◆ **BRIEF**
Could you report every line of the listing below that holds the word "WallThickness"?

━━━━━━━━━━━━━━━━━━━━

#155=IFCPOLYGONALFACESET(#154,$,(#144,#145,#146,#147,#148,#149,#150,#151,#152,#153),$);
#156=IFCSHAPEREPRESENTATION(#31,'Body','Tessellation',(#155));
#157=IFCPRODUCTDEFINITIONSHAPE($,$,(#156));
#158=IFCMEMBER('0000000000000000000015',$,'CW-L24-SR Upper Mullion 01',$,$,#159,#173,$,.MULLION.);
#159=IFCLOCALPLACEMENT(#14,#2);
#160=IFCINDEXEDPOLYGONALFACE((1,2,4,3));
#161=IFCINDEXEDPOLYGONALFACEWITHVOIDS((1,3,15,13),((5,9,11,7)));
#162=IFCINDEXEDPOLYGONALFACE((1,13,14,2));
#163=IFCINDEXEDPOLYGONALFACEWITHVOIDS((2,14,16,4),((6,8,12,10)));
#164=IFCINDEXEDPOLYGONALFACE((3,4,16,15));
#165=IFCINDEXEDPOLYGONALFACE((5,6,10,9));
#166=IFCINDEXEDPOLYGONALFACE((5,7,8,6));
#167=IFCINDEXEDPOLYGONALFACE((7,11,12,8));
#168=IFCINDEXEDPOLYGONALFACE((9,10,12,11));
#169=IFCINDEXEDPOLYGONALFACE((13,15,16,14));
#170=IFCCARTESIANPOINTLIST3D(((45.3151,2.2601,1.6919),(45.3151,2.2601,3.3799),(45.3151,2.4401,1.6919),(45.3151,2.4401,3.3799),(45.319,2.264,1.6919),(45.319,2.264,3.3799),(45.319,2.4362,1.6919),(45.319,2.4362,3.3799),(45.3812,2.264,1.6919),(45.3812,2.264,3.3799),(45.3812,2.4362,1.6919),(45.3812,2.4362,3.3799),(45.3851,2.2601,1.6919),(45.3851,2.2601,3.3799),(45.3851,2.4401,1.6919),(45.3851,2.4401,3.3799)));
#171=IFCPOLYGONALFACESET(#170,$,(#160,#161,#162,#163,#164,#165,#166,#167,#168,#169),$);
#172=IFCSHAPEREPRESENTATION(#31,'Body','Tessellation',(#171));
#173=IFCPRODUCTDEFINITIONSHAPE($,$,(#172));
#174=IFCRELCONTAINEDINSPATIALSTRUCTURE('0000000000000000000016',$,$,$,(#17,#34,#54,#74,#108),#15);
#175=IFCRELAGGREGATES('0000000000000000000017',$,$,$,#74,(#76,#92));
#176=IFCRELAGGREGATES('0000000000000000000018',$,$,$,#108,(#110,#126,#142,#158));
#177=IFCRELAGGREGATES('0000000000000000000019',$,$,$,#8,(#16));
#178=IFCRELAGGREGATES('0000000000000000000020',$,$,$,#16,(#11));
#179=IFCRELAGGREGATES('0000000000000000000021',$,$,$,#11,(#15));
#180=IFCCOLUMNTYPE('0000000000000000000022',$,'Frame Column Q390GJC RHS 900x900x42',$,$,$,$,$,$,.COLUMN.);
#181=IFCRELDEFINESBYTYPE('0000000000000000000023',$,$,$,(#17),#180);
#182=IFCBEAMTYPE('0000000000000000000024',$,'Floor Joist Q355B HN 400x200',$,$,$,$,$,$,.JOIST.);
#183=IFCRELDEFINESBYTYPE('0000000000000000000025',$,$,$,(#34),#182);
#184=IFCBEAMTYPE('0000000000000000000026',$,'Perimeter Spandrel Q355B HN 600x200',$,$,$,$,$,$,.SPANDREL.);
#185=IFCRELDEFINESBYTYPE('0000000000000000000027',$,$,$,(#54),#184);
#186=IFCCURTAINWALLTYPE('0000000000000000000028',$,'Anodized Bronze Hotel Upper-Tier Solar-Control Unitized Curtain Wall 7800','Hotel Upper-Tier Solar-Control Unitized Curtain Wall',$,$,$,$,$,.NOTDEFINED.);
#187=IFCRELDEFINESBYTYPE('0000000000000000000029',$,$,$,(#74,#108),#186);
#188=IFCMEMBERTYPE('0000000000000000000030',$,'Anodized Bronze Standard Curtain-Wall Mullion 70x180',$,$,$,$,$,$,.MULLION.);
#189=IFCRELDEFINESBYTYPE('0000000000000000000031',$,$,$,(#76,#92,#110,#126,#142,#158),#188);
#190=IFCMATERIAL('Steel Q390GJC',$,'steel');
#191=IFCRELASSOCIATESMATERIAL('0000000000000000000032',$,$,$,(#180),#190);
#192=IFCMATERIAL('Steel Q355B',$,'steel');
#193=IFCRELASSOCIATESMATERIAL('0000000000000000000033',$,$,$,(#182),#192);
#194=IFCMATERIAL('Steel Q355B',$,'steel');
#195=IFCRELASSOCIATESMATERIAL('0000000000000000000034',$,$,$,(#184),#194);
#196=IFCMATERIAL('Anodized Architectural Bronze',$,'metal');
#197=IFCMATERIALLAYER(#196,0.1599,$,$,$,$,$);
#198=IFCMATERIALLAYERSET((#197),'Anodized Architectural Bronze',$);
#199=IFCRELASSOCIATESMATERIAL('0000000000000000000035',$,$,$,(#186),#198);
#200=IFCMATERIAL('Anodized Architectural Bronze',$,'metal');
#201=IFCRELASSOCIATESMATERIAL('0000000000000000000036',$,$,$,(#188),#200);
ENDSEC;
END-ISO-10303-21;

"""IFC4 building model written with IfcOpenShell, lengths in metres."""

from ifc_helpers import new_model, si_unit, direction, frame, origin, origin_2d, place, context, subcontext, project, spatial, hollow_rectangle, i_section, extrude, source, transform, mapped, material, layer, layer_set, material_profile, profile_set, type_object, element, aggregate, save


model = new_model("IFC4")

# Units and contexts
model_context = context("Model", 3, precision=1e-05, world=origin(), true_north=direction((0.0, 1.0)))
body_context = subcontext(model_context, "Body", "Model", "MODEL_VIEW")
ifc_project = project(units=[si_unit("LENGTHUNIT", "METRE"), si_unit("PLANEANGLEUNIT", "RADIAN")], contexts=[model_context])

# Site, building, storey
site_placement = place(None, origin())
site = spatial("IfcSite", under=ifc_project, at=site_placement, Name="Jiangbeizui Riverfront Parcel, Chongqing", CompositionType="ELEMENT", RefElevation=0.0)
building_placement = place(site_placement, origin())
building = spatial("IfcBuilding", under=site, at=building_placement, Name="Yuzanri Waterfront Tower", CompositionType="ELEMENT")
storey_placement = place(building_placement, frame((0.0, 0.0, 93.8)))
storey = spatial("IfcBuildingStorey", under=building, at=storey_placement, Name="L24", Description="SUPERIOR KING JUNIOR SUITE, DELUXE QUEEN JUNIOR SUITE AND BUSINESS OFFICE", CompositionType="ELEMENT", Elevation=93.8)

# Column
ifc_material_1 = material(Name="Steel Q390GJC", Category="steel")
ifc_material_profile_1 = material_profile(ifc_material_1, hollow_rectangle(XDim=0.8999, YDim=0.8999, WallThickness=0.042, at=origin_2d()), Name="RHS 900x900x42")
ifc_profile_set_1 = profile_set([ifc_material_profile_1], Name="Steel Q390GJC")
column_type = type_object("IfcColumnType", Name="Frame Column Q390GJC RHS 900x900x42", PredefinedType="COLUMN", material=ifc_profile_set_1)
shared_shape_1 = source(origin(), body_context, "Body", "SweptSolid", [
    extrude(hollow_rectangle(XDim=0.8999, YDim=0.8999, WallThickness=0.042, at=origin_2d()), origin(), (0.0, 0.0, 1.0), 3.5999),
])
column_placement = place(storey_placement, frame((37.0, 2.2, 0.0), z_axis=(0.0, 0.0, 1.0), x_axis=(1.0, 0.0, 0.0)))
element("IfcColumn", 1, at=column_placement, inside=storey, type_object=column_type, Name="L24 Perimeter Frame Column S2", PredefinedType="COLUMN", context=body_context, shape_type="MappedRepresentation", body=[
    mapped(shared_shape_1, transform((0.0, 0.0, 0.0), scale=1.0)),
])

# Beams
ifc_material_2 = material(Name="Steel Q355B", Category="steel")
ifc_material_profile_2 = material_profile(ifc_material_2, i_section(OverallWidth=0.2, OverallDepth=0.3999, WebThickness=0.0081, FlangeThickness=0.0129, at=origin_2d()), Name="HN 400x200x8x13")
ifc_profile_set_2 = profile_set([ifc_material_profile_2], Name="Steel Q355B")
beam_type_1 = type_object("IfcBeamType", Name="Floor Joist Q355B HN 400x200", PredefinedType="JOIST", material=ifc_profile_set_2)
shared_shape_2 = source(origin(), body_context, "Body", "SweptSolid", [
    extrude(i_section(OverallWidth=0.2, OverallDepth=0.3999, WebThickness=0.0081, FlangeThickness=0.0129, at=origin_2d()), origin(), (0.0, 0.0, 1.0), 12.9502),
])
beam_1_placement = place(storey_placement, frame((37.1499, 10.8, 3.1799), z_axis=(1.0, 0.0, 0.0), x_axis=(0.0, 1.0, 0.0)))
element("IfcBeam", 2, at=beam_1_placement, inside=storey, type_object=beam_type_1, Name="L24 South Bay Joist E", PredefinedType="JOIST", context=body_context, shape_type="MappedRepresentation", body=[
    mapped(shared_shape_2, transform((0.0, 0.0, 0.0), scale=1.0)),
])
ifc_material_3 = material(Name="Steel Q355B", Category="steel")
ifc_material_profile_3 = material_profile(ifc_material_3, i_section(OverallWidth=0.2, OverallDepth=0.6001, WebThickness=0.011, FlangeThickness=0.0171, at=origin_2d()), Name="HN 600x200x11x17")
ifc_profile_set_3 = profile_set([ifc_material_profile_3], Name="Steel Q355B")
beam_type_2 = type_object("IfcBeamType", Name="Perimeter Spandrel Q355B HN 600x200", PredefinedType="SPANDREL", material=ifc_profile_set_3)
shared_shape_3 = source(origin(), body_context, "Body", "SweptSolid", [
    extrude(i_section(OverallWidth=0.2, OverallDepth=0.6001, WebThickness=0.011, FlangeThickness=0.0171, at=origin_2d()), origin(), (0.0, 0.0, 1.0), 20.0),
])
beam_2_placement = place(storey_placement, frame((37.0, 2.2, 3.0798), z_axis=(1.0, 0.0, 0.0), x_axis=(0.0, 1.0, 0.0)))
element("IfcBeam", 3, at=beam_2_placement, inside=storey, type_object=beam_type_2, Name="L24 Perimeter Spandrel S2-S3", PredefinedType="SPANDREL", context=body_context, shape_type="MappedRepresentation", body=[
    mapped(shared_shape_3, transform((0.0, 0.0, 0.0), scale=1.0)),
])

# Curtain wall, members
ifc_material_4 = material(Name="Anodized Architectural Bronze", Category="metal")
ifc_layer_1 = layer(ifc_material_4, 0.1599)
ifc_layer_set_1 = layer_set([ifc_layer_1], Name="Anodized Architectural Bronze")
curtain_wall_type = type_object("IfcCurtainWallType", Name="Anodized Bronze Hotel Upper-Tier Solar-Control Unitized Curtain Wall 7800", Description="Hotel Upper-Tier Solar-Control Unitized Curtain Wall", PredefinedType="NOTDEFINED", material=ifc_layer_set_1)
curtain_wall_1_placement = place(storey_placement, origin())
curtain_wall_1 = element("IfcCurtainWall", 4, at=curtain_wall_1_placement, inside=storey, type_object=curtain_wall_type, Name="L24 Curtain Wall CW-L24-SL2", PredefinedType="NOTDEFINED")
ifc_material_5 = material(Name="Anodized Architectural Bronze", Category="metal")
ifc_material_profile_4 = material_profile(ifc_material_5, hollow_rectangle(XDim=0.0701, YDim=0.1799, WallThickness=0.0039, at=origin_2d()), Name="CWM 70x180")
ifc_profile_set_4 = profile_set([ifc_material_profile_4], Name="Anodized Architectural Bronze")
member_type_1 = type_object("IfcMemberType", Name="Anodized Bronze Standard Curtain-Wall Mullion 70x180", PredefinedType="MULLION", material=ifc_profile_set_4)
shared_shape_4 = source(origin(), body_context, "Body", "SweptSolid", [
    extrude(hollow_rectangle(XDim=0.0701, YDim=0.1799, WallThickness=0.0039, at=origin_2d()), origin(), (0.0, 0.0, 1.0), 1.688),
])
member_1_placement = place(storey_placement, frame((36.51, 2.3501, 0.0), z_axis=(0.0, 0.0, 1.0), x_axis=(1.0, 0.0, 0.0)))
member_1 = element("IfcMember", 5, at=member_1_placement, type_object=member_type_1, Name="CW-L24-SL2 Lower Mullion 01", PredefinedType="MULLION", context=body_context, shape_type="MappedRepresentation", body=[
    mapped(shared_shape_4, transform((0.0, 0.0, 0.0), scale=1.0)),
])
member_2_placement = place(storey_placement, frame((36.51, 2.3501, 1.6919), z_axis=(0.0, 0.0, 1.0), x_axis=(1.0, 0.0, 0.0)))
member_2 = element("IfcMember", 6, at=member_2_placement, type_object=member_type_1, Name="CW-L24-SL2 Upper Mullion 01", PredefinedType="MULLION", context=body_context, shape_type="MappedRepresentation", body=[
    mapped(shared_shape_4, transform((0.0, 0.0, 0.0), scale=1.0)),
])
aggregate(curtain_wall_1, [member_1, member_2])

━━━━━━━━━━━━━━━━━━━━

◆ **EXPECTED ANSWER**
ifc_material_profile_1 = material_profile(ifc_material_1, hollow_rectangle(XDim=0.8999, YDim=0.8999, WallThickness=0.042, at=origin_2d()), Name="RHS 900x900x42")
    extrude(hollow_rectangle(XDim=0.8999, YDim=0.8999, WallThickness=0.042, at=origin_2d()), origin(), (0.0, 0.0, 1.0), 3.5999),
ifc_material_profile_4 = material_profile(ifc_material_5, hollow_rectangle(XDim=0.0701, YDim=0.1799, WallThickness=0.0039, at=origin_2d()), Name="CWM 70x180")
    extrude(hollow_rectangle(XDim=0.0701, YDim=0.1799, WallThickness=0.0039, at=origin_2d()), origin(), (0.0, 0.0, 1.0), 1.688),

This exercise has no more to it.